*** Opening of EXTRACTED MATERIAL ***

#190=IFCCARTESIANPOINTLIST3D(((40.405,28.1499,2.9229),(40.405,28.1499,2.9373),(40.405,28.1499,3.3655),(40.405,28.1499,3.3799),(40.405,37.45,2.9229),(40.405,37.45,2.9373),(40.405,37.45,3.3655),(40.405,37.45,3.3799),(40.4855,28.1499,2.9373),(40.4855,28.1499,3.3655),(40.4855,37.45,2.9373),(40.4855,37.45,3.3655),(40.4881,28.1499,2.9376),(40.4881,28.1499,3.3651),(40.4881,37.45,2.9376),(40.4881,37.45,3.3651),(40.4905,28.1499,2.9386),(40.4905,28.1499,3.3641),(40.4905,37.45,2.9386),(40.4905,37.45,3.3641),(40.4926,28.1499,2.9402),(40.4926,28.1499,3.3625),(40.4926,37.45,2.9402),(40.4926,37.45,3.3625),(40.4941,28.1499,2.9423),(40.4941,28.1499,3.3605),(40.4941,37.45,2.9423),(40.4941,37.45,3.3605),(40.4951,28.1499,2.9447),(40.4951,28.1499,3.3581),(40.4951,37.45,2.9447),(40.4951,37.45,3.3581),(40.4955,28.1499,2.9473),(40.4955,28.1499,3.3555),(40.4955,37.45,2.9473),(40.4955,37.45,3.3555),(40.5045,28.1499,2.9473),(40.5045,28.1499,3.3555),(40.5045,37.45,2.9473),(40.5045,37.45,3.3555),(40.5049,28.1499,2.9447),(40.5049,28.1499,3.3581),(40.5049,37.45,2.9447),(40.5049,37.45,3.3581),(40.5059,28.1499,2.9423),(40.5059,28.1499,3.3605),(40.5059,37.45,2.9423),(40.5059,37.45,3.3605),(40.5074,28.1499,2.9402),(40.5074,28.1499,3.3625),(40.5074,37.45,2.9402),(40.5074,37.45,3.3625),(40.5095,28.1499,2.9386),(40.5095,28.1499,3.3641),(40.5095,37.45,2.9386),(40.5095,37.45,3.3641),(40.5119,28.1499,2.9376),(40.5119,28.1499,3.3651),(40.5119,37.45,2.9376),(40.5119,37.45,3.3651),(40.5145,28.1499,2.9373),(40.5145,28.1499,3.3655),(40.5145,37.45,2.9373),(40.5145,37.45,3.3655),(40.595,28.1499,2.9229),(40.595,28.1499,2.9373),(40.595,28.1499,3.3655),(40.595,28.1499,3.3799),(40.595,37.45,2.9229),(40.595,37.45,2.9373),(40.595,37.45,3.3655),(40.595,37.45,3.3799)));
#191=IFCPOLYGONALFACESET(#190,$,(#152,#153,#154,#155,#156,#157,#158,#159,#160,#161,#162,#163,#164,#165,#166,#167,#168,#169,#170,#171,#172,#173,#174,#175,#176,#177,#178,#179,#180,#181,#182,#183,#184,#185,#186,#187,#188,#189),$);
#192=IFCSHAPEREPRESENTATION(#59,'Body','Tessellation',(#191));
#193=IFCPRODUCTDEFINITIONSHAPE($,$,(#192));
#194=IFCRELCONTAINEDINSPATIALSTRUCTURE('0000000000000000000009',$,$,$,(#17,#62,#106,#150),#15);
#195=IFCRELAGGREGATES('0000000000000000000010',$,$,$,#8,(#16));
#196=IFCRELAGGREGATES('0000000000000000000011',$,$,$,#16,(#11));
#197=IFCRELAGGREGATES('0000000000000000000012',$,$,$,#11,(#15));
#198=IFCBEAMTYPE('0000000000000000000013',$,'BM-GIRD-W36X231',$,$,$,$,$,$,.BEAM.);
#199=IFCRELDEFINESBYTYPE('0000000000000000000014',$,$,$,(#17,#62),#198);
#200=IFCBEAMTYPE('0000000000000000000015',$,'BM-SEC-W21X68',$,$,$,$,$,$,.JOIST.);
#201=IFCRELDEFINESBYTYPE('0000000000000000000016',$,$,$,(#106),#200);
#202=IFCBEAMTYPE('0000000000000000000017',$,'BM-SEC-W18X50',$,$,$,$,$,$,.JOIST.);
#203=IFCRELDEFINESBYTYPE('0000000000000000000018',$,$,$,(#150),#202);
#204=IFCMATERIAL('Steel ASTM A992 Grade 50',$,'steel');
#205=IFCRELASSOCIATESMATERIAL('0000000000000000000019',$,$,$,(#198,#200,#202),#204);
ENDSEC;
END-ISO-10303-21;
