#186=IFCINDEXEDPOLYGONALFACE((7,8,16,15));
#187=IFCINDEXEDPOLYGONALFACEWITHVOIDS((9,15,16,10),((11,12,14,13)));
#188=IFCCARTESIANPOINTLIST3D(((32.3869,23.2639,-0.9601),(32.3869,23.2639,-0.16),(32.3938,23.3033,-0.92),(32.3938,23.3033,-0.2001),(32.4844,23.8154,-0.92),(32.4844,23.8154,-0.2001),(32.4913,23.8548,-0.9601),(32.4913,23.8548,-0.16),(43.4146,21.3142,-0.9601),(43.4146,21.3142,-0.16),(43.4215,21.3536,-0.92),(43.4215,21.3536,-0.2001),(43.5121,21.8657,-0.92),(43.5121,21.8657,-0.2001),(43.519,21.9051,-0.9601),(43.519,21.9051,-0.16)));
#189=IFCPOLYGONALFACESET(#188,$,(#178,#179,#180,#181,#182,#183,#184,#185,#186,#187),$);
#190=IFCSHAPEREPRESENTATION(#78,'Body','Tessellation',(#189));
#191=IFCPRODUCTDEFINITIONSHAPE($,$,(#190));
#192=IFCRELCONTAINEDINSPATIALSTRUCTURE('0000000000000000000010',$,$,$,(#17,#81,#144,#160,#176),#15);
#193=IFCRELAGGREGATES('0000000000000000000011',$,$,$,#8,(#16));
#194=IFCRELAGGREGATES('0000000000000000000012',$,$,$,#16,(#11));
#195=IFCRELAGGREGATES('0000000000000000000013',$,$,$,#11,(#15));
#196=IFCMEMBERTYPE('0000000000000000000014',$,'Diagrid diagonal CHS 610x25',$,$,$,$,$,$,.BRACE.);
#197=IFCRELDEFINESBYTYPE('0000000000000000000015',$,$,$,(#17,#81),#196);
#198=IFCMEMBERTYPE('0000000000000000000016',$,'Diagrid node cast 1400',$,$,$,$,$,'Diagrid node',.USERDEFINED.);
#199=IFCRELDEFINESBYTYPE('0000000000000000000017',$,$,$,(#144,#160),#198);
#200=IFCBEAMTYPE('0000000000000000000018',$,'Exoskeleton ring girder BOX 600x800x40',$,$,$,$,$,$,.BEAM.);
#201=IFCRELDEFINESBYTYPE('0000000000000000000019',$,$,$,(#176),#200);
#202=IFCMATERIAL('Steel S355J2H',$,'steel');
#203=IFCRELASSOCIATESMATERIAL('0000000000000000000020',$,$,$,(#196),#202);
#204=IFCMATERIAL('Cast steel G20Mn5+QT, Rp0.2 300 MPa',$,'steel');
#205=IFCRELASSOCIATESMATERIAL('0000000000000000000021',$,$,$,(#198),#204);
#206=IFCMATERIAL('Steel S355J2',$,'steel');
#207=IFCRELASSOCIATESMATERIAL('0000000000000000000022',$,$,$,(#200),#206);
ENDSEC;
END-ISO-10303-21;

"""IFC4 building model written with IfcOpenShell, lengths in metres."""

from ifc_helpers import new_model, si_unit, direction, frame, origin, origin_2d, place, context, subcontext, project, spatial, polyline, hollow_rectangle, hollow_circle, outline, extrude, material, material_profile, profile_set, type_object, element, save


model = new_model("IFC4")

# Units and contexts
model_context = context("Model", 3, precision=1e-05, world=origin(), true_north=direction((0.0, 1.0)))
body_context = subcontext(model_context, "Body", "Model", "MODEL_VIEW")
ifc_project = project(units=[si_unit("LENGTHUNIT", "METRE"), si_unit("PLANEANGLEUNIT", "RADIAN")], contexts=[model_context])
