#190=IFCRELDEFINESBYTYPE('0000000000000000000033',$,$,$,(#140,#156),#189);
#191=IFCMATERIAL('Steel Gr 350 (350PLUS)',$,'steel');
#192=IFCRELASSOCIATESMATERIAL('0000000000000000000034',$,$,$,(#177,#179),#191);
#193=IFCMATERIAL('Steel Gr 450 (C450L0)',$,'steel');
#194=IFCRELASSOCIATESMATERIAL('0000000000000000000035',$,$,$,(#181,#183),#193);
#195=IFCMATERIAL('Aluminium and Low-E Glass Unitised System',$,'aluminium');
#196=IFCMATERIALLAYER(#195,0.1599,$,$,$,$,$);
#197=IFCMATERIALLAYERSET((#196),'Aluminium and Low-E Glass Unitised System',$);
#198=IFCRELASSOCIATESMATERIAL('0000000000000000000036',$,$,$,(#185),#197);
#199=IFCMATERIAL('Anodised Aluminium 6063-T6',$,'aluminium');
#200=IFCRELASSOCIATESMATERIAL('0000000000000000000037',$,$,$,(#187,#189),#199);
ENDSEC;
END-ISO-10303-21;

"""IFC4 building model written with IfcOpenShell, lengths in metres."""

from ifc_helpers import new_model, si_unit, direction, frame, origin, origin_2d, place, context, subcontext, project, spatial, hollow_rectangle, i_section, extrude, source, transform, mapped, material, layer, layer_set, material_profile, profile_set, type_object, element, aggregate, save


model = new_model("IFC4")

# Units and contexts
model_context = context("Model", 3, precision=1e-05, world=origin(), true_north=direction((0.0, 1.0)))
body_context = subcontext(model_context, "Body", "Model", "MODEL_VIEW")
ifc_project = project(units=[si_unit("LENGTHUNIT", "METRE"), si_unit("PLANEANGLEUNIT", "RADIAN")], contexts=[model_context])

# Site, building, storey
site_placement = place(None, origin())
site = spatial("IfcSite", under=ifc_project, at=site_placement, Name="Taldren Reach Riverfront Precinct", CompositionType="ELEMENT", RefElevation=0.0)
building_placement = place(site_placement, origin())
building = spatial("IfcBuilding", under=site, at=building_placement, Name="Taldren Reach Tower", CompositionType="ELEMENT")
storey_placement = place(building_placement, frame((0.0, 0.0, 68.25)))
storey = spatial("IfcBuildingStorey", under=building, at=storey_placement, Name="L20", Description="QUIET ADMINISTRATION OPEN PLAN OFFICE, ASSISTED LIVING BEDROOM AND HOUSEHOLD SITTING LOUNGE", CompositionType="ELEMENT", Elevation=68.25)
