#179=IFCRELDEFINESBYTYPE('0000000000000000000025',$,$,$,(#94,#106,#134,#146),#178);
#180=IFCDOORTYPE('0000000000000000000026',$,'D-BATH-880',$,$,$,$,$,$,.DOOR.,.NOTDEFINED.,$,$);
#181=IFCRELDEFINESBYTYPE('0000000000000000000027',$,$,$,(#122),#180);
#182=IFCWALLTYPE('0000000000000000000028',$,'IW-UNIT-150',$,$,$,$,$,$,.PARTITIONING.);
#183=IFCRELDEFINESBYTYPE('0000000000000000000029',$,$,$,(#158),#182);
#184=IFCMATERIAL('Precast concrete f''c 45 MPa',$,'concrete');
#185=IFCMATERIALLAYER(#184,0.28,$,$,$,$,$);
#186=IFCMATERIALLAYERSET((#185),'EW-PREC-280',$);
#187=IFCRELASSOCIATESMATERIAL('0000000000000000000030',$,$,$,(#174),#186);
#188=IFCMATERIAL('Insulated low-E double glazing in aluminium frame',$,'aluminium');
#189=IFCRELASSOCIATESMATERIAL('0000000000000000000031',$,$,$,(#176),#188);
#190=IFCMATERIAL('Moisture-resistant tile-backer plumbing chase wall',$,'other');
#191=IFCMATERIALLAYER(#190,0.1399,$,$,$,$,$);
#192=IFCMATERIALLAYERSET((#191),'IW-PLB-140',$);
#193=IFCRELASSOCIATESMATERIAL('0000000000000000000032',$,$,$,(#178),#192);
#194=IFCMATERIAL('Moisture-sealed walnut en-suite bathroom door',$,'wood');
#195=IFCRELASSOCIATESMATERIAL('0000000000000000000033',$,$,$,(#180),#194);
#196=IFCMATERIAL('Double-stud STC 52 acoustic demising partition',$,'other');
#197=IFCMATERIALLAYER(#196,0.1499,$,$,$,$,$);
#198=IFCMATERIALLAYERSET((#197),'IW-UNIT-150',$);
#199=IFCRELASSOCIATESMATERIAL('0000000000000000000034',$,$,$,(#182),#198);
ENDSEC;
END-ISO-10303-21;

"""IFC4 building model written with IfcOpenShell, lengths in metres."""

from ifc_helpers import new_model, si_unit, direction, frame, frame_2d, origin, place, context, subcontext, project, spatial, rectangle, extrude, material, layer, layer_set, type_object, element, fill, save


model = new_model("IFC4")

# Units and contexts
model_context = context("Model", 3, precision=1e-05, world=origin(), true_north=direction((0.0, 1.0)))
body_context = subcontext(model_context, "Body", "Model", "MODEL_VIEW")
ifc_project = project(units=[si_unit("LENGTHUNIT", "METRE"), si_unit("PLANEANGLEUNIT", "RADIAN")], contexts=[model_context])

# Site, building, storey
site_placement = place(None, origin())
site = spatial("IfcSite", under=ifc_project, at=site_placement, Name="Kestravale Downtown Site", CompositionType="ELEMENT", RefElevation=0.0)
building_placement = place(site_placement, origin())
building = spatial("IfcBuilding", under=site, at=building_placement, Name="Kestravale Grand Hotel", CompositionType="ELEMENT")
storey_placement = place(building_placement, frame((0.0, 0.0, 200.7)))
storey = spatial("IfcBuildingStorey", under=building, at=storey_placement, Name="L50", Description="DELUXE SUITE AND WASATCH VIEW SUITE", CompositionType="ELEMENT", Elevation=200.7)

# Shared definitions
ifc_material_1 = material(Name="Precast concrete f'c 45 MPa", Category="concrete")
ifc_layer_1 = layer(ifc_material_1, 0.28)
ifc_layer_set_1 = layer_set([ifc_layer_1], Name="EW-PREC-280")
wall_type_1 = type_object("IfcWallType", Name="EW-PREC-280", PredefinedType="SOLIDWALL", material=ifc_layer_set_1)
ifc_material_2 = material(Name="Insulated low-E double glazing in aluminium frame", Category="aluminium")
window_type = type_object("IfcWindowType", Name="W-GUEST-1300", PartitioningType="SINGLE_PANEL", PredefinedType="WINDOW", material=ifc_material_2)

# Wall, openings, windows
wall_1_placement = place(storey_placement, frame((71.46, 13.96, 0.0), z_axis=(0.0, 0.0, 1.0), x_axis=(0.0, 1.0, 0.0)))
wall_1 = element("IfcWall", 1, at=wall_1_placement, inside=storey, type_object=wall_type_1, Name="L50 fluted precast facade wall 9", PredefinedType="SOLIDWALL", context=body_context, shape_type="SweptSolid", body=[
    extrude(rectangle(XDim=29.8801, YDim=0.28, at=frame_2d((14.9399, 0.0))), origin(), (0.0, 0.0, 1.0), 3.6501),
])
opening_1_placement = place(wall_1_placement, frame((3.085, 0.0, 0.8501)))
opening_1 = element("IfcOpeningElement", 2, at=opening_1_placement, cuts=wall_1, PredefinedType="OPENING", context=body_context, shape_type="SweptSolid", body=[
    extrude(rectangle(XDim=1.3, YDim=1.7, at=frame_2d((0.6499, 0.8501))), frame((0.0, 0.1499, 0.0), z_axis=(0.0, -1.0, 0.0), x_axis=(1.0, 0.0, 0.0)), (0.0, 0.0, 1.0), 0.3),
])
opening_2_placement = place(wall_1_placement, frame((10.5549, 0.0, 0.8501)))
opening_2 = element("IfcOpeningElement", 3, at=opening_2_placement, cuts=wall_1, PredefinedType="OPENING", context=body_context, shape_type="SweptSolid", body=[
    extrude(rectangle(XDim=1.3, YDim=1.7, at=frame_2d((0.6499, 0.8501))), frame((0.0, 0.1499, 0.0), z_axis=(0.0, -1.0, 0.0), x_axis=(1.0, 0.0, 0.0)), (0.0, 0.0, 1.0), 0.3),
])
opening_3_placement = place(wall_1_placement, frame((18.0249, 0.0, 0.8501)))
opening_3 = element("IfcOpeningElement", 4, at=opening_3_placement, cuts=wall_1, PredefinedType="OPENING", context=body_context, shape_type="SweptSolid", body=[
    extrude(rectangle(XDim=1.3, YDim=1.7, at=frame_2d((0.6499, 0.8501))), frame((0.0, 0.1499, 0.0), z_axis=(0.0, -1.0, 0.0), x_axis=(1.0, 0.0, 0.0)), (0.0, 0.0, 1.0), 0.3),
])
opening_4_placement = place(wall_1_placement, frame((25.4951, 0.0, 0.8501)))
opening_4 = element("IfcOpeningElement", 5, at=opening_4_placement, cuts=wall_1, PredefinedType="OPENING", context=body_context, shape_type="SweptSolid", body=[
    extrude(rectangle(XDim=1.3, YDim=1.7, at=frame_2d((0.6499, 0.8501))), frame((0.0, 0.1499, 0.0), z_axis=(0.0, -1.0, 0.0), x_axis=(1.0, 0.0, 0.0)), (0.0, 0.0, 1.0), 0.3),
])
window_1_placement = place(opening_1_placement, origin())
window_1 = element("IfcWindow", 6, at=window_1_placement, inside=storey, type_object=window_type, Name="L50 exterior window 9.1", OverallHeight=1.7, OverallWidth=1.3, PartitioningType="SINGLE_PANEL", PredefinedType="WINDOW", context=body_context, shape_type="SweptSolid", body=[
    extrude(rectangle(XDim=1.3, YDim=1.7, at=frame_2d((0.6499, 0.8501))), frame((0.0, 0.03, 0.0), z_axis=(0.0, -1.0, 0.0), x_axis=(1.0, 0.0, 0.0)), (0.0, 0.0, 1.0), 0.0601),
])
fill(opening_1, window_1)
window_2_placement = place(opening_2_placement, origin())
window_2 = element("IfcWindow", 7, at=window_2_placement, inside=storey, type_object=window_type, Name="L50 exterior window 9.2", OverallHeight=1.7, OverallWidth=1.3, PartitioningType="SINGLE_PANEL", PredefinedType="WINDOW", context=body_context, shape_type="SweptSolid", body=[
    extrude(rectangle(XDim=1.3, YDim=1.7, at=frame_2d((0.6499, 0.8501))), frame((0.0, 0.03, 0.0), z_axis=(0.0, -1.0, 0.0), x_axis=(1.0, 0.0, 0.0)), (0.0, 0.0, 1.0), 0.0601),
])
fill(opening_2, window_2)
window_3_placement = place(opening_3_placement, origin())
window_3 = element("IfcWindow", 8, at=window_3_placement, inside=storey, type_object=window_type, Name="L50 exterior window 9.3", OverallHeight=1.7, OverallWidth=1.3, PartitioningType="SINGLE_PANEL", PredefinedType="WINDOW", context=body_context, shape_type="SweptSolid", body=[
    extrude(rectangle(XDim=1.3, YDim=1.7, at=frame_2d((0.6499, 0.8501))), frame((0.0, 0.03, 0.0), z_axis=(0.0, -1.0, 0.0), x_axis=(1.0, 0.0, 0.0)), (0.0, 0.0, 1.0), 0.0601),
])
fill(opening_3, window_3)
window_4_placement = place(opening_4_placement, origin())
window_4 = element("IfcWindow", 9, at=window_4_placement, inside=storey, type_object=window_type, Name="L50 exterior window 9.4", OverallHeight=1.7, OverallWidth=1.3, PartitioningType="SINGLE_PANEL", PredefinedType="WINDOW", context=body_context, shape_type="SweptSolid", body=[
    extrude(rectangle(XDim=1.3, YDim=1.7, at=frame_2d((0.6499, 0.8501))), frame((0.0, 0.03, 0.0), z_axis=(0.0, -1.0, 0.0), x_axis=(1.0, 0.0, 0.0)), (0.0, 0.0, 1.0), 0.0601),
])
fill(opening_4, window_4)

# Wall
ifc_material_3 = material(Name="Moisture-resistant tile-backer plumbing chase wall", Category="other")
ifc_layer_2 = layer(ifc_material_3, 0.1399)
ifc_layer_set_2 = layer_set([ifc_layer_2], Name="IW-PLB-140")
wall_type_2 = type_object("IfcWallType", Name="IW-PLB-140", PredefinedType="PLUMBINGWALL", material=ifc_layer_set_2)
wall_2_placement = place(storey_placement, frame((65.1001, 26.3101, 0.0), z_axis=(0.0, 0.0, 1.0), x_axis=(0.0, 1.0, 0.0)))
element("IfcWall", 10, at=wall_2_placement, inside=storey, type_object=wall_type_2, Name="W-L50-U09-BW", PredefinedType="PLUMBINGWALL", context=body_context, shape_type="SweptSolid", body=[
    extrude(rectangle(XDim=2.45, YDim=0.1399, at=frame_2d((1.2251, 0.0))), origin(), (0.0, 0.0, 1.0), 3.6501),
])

*** Close of EXTRACTED MATERIAL ***

_EXERCISE OBJECTIVE_:
Taking the line with "#198=IFCMEMBERTYPE('0000000000000000000016',$,'Diagrid node cast" as the first and the line with "#193=IFCMATERIAL('Steel Gr 450" as the last, retype that stretch of the data above exactly, with no other lines.

_WRITTEN RESPONSE_:
#198=IFCMEMBERTYPE('0000000000000000000016',$,'Diagrid node cast 1400',$,$,$,$,$,'Diagrid node',.USERDEFINED.);
#199=IFCRELDEFINESBYTYPE('0000000000000000000017',$,$,$,(#144,#160),#198);
#200=IFCBEAMTYPE('0000000000000000000018',$,'Exoskeleton ring girder BOX 600x800x40',$,$,$,$,$,$,.BEAM.);
#201=IFCRELDEFINESBYTYPE('0000000000000000000019',$,$,$,(#176),#200);
#202=IFCMATERIAL('Steel S355J2H',$,'steel');
#203=IFCRELASSOCIATESMATERIAL('0000000000000000000020',$,$,$,(#196),#202);
#204=IFCMATERIAL('Cast steel G20Mn5+QT, Rp0.2 300 MPa',$,'steel');
#205=IFCRELASSOCIATESMATERIAL('0000000000000000000021',$,$,$,(#198),#204);
#206=IFCMATERIAL('Steel S355J2',$,'steel');
#207=IFCRELASSOCIATESMATERIAL('0000000000000000000022',$,$,$,(#200),#206);
ENDSEC;
END-ISO-10303-21;

"""IFC4 building model written with IfcOpenShell, lengths in metres."""

from ifc_helpers import new_model, si_unit, direction, frame, origin, origin_2d, place, context, subcontext, project, spatial, polyline, hollow_rectangle, hollow_circle, outline, extrude, material, material_profile, profile_set, type_object, element, save


model = new_model("IFC4")

# Units and contexts
model_context = context("Model", 3, precision=1e-05, world=origin(), true_north=direction((0.0, 1.0)))
body_context = subcontext(model_context, "Body", "Model", "MODEL_VIEW")
ifc_project = project(units=[si_unit("LENGTHUNIT", "METRE"), si_unit("PLANEANGLEUNIT", "RADIAN")], contexts=[model_context])
#190=IFCRELDEFINESBYTYPE('0000000000000000000033',$,$,$,(#140,#156),#189);
#191=IFCMATERIAL('Steel Gr 350 (350PLUS)',$,'steel');
#192=IFCRELASSOCIATESMATERIAL('0000000000000000000034',$,$,$,(#177,#179),#191);
#193=IFCMATERIAL('Steel Gr 450 (C450L0)',$,'steel');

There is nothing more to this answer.